[YOUR INSTRUCTIONS] Scan the listing below and copy each line holding the word "IFCLOCALPLACEMENT".

--------------------------------------------------

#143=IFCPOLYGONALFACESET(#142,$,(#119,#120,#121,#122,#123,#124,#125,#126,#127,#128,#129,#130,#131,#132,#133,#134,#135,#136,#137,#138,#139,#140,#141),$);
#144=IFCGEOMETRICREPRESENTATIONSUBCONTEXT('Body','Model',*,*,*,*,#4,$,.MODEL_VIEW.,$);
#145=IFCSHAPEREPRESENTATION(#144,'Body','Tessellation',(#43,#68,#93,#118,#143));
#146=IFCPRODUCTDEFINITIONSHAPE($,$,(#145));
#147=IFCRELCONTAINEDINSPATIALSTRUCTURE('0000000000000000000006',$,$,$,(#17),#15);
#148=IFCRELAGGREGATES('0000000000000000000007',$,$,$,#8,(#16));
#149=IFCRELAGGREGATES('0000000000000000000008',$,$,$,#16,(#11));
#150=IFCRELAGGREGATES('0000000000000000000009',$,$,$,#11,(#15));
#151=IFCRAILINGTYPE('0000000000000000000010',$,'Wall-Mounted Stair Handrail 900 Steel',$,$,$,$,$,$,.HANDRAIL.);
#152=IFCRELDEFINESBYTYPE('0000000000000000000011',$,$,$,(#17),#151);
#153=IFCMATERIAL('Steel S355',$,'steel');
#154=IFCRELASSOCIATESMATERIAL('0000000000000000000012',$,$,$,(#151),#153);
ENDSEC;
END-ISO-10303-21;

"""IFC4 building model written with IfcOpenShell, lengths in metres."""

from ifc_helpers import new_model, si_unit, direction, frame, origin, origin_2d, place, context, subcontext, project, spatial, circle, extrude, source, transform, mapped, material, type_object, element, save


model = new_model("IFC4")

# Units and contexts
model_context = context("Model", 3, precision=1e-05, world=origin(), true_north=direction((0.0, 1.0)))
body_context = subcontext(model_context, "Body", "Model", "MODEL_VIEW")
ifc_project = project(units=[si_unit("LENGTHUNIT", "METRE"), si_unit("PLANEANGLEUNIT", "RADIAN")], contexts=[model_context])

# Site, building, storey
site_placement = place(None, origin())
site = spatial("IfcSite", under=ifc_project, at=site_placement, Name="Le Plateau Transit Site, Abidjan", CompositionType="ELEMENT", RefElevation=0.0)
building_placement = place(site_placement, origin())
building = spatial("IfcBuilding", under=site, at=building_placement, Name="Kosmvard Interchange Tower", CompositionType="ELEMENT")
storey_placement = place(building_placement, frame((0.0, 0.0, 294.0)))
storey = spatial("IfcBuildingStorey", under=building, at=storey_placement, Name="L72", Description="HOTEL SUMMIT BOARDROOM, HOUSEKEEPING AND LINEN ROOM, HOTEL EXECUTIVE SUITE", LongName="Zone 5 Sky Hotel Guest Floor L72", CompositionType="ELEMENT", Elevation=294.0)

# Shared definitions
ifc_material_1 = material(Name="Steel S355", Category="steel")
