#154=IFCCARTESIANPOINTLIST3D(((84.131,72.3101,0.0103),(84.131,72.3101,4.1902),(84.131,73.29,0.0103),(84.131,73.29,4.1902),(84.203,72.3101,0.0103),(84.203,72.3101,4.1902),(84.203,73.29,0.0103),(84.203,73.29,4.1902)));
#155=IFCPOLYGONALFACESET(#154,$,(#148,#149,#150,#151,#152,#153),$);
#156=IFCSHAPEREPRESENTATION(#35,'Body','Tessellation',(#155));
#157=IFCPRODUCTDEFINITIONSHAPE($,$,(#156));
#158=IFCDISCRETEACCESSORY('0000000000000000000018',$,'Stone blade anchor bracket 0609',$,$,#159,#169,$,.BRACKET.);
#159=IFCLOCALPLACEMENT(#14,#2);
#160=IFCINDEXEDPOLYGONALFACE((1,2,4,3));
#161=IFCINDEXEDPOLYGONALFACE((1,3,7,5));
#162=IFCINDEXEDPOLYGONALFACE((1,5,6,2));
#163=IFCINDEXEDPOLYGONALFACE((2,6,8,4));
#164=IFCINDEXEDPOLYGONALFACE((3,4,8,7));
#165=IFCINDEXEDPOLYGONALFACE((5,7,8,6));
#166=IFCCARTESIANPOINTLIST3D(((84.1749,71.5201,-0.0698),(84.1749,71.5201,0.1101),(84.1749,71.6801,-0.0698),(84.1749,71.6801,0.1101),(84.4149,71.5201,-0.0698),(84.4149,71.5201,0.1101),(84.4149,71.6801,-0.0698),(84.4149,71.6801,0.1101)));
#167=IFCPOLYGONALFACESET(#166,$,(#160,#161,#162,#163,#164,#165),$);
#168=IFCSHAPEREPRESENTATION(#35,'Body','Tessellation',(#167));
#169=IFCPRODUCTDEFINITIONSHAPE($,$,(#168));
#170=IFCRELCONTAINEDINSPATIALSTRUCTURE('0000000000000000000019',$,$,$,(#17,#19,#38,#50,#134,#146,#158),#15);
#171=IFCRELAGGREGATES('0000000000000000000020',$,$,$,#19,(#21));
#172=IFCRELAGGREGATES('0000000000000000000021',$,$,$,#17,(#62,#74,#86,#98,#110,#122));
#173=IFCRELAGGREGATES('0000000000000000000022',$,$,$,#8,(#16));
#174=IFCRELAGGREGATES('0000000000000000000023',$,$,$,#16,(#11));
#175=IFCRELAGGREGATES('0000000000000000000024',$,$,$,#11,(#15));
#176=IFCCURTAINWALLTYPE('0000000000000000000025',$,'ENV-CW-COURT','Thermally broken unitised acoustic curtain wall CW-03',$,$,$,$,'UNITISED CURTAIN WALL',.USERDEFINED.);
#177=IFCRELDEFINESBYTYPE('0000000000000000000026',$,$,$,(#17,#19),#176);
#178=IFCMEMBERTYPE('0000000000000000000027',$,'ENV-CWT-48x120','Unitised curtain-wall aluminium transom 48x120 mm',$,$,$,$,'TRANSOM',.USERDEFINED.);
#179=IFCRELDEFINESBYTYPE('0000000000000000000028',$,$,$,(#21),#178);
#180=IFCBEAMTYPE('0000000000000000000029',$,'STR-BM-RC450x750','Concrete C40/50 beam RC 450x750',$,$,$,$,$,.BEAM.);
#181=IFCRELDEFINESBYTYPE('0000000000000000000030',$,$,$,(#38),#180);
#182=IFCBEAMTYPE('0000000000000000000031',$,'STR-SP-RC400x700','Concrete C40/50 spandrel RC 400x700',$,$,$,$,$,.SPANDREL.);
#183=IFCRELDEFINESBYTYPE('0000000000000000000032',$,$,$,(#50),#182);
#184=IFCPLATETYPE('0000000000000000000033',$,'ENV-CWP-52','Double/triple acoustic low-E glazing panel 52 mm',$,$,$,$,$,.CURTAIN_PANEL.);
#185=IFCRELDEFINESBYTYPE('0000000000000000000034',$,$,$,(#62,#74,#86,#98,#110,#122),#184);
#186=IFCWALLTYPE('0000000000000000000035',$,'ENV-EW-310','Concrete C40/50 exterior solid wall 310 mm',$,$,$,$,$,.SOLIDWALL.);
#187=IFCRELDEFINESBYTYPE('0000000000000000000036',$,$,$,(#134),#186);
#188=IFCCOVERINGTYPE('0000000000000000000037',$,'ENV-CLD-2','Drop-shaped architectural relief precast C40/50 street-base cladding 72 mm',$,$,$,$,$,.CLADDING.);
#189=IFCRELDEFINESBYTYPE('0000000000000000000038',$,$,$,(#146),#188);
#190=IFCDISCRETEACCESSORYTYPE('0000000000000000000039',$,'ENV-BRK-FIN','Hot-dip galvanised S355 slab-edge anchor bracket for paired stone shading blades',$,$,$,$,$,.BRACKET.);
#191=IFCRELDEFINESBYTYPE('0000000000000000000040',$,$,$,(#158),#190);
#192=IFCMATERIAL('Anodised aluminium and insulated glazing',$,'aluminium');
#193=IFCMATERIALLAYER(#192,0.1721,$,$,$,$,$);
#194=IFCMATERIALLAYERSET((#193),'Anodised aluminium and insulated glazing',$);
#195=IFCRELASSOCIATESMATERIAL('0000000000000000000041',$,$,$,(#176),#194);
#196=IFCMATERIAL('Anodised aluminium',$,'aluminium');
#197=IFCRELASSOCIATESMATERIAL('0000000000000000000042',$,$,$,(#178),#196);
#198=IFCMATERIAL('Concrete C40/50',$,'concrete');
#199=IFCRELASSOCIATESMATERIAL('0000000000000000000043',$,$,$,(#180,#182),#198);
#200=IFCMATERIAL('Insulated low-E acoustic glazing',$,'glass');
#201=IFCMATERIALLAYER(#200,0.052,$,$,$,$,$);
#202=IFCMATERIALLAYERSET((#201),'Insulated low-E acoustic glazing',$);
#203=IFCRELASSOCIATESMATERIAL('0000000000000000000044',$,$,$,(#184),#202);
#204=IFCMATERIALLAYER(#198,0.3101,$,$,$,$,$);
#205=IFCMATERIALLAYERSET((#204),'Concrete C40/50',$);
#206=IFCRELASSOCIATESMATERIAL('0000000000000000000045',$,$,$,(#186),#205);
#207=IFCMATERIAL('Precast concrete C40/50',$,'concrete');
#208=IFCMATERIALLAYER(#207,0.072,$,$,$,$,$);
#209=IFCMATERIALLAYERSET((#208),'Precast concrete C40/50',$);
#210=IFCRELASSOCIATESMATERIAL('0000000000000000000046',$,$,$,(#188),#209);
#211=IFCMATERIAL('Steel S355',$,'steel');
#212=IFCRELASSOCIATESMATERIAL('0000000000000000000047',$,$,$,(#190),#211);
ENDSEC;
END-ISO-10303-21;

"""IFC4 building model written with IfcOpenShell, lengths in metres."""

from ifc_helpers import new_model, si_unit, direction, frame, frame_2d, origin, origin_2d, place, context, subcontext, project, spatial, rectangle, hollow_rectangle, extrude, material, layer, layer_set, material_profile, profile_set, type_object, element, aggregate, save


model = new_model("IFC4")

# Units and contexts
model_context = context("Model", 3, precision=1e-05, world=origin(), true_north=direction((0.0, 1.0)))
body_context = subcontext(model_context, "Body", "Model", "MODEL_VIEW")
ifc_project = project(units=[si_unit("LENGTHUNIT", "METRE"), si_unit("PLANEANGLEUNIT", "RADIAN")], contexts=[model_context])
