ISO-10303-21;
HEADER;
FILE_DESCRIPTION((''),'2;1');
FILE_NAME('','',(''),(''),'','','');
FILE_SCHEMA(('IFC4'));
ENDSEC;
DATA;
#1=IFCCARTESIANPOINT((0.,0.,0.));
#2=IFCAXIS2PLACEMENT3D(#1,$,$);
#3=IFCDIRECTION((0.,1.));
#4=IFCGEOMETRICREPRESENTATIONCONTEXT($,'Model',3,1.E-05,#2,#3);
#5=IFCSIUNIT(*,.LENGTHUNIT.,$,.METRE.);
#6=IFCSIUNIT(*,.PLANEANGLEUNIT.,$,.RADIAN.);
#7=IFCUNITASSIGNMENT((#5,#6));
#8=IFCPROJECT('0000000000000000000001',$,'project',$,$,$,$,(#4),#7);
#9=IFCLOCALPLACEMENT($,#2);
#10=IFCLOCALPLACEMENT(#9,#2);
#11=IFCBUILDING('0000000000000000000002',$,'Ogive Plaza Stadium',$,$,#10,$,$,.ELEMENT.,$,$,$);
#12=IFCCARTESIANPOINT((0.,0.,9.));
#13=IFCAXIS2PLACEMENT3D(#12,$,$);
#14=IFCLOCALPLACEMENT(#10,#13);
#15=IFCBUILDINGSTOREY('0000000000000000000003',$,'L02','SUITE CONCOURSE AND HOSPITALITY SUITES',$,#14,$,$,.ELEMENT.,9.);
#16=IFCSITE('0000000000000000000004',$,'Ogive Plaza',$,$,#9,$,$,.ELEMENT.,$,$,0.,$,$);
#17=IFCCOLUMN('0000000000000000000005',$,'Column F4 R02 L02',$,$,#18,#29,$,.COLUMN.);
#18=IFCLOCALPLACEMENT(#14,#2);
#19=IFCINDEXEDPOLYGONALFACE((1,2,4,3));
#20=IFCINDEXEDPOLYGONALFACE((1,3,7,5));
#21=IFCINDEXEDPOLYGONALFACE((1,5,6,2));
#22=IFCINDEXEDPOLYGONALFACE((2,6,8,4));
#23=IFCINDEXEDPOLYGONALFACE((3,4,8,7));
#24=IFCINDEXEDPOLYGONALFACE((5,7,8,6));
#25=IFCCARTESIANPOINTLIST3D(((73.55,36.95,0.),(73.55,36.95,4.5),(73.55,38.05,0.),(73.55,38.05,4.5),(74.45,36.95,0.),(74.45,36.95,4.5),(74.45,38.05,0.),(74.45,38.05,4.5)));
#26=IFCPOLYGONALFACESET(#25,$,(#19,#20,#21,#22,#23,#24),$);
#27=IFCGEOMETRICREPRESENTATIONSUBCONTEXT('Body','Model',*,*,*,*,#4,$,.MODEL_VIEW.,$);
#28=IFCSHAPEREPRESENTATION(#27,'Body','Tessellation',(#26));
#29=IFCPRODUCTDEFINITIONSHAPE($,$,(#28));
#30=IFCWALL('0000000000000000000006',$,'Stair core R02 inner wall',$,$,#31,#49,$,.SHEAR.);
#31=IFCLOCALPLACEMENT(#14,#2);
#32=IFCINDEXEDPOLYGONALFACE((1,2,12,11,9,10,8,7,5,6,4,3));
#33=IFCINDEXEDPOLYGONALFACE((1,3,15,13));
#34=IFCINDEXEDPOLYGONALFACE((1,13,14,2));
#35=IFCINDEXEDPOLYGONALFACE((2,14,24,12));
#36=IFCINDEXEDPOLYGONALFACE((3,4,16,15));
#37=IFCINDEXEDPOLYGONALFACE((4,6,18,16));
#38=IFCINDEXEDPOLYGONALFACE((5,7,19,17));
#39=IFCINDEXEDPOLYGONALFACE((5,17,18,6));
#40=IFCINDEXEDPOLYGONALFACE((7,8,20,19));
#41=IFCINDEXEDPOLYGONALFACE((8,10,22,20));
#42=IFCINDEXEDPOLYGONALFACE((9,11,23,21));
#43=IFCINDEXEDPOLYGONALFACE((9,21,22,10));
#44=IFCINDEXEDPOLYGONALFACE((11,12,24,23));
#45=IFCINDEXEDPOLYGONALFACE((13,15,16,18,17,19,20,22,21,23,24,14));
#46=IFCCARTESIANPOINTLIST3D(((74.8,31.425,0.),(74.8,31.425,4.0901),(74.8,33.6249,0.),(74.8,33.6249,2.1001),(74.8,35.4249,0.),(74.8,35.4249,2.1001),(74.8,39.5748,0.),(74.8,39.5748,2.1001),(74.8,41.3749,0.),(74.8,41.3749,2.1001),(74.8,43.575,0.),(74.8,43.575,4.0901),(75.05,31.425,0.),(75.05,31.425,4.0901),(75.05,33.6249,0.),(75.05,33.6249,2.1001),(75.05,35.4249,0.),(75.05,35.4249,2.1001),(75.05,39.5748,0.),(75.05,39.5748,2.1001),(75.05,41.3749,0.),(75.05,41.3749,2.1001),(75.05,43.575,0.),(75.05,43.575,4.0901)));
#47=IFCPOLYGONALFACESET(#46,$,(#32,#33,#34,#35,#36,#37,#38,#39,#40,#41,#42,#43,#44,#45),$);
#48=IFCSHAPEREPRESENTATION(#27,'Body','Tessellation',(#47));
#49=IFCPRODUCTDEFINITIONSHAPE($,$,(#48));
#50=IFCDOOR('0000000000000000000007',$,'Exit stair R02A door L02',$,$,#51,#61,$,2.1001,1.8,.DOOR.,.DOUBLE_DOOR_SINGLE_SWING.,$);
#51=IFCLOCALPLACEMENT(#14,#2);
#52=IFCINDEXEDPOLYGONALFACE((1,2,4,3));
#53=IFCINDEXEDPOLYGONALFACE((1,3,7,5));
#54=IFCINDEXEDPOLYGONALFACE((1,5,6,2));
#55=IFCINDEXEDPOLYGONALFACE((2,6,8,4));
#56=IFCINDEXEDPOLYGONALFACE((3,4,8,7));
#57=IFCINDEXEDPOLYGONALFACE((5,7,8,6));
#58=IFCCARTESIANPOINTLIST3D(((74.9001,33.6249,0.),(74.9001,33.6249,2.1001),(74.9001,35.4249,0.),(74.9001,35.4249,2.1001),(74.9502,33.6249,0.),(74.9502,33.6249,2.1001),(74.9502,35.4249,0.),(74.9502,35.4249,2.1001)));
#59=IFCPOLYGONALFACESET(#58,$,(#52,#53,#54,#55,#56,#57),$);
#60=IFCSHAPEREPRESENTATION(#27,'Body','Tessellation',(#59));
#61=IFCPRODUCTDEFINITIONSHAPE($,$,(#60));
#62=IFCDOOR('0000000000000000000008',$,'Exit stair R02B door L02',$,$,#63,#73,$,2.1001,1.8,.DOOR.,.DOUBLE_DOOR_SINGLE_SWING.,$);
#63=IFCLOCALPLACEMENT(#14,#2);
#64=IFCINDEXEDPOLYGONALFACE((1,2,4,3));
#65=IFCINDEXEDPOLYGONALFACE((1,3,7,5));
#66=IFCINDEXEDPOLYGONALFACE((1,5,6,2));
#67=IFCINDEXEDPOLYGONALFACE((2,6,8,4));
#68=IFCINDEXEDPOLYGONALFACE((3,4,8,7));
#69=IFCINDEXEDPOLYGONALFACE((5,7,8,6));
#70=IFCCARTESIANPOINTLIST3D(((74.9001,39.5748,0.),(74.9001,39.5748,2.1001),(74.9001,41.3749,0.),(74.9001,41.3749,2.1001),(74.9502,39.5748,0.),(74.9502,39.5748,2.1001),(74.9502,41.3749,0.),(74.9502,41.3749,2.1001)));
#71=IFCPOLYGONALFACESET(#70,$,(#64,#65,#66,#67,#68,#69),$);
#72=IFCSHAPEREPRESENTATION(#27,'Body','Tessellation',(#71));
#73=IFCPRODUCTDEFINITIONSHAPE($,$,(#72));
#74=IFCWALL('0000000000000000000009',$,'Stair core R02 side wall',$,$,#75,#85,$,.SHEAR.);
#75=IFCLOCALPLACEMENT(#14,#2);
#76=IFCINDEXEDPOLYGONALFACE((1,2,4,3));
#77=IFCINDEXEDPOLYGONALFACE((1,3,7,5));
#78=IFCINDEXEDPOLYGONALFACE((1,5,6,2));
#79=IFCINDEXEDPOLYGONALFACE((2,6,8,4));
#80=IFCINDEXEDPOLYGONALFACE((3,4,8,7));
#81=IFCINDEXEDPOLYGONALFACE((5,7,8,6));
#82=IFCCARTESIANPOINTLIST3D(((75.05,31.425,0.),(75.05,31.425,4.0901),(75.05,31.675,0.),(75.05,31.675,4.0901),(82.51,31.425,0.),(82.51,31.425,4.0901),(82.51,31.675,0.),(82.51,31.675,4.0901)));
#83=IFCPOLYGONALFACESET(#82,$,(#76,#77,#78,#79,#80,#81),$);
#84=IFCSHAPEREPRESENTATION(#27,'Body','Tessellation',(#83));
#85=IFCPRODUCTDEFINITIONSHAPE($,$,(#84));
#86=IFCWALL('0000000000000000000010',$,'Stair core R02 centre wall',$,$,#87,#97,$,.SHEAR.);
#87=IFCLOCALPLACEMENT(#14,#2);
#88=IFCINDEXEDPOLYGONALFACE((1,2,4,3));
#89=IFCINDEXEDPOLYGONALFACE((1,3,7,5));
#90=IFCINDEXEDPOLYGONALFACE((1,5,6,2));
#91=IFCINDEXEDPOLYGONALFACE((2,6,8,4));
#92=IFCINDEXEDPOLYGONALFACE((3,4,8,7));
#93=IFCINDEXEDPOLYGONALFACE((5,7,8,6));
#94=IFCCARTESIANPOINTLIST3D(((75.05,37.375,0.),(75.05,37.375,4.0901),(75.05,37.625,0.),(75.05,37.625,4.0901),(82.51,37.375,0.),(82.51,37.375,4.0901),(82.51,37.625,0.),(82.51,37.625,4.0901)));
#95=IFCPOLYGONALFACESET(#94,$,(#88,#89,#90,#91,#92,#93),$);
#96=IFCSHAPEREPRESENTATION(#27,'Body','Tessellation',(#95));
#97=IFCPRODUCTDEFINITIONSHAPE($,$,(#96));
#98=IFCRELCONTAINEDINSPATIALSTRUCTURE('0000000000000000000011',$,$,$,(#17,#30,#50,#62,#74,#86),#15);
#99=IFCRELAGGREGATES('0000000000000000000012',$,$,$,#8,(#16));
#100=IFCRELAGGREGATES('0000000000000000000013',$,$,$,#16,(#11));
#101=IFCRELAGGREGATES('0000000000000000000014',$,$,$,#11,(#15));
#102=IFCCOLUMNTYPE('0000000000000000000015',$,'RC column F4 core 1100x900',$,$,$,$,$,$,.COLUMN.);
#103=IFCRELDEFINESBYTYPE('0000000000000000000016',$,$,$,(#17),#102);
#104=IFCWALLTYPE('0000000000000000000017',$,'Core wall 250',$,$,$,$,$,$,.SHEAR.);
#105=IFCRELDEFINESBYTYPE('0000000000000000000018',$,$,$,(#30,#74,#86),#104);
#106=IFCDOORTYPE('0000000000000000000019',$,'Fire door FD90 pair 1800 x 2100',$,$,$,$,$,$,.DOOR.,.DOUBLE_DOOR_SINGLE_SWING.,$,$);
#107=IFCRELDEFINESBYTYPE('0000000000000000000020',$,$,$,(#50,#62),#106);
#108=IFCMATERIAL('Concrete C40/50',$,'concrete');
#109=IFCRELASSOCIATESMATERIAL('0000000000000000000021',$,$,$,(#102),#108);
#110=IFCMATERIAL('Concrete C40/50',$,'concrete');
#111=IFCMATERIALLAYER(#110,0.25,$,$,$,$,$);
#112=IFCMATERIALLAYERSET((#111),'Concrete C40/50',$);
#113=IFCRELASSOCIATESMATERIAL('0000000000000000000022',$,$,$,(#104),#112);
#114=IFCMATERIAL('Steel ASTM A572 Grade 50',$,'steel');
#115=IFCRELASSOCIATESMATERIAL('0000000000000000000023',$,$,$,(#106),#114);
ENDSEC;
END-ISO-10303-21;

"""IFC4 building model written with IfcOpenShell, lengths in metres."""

from ifc_helpers import new_model, si_unit, direction, frame, frame_2d, origin, origin_2d, place, context, subcontext, project, spatial, rectangle, extrude, material, layer, layer_set, material_profile, profile_set, type_object, element, fill, save


model = new_model("IFC4")

# Units and contexts
model_context = context("Model", 3, precision=1e-05, world=origin(), true_north=direction((0.0, 1.0)))
body_context = subcontext(model_context, "Body", "Model", "MODEL_VIEW")
ifc_project = project(units=[si_unit("LENGTHUNIT", "METRE"), si_unit("PLANEANGLEUNIT", "RADIAN")], contexts=[model_context])

# Site, building, storey
site_placement = place(None, origin())
site = spatial("IfcSite", under=ifc_project, at=site_placement, Name="Ogive Plaza", CompositionType="ELEMENT", RefElevation=0.0)
building_placement = place(site_placement, origin())
building = spatial("IfcBuilding", under=site, at=building_placement, Name="Ogive Plaza Stadium", CompositionType="ELEMENT")
storey_placement = place(building_placement, frame((0.0, 0.0, 9.0)))
storey = spatial("IfcBuildingStorey", under=building, at=storey_placement, Name="L02", Description="SUITE CONCOURSE AND HOSPITALITY SUITES", CompositionType="ELEMENT", Elevation=9.0)

# Column
ifc_material_1 = material(Name="Concrete C40/50", Category="concrete")
ifc_material_profile = material_profile(ifc_material_1, rectangle(XDim=1.1001, YDim=0.8999, at=origin_2d()), Name="RC 1100x900")
ifc_profile_set = profile_set([ifc_material_profile], Name="Concrete C40/50")
column_type = type_object("IfcColumnType", Name="RC column F4 core 1100x900", PredefinedType="COLUMN", material=ifc_profile_set)
column_placement = place(storey_placement, frame((74.0, 37.5, 0.0), z_axis=(0.0, 0.0, 1.0), x_axis=(0.0, 1.0, 0.0)))
element("IfcColumn", 1, at=column_placement, inside=storey, type_object=column_type, Name="Column F4 R02 L02", PredefinedType="COLUMN", context=body_context, shape_type="SweptSolid", body=[
    extrude(rectangle(XDim=1.1001, YDim=0.8999, at=origin_2d()), origin(), (0.0, 0.0, 1.0), 4.5),
])

# Wall, openings, doors
ifc_material_2 = material(Name="Concrete C40/50", Category="concrete")
ifc_layer = layer(ifc_material_2, 0.25)
ifc_layer_set = layer_set([ifc_layer], Name="Concrete C40/50")
wall_type = type_object("IfcWallType", Name="Core wall 250", PredefinedType="SHEAR", material=ifc_layer_set)
wall_placement = place(storey_placement, frame((74.925, 31.425, 0.0), z_axis=(0.0, 0.0, 1.0), x_axis=(0.0, 1.0, 0.0)))
wall = element("IfcWall", 2, at=wall_placement, inside=storey, type_object=wall_type, Name="Stair core R02 inner wall", PredefinedType="SHEAR", context=body_context, shape_type="SweptSolid", body=[
    extrude(rectangle(XDim=12.1499, YDim=0.25, at=frame_2d((6.075, 0.0))), origin(), (0.0, 0.0, 1.0), 4.0901),
])
opening_1_placement = place(wall_placement, frame((2.2, 0.0, 0.0)))
opening_1 = element("IfcOpeningElement", 3, at=opening_1_placement, cuts=wall, PredefinedType="OPENING", context=body_context, shape_type="SweptSolid", body=[
    extrude(rectangle(XDim=1.8, YDim=2.1001, at=frame_2d((0.8999, 1.05))), frame((0.0, 0.125, 0.0), z_axis=(0.0, -1.0, 0.0), x_axis=(1.0, 0.0, 0.0)), (0.0, 0.0, 1.0), 0.25),
])
opening_2_placement = place(wall_placement, frame((8.1499, 0.0, 0.0)))
opening_2 = element("IfcOpeningElement", 4, at=opening_2_placement, cuts=wall, PredefinedType="OPENING", context=body_context, shape_type="SweptSolid", body=[
    extrude(rectangle(XDim=1.8, YDim=2.1001, at=frame_2d((0.8999, 1.05))), frame((0.0, 0.125, 0.0), z_axis=(0.0, -1.0, 0.0), x_axis=(1.0, 0.0, 0.0)), (0.0, 0.0, 1.0), 0.25),
])
ifc_material_3 = material(Name="Steel ASTM A572 Grade 50", Category="steel")
door_type = type_object("IfcDoorType", Name="Fire door FD90 pair 1800 x 2100", OperationType="DOUBLE_DOOR_SINGLE_SWING", PredefinedType="DOOR", material=ifc_material_3)
door_1_placement = place(opening_1_placement, origin())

--------------------------------------------------

[OUTPUT FOR THIS EXERCISE]
#159=IFCLOCALPLACEMENT(#14,#2);
#9=IFCLOCALPLACEMENT($,#2);
#10=IFCLOCALPLACEMENT(#9,#2);
#14=IFCLOCALPLACEMENT(#10,#13);
#18=IFCLOCALPLACEMENT(#14,#2);
#31=IFCLOCALPLACEMENT(#14,#2);
#51=IFCLOCALPLACEMENT(#14,#2);
#63=IFCLOCALPLACEMENT(#14,#2);
#75=IFCLOCALPLACEMENT(#14,#2);
#87=IFCLOCALPLACEMENT(#14,#2);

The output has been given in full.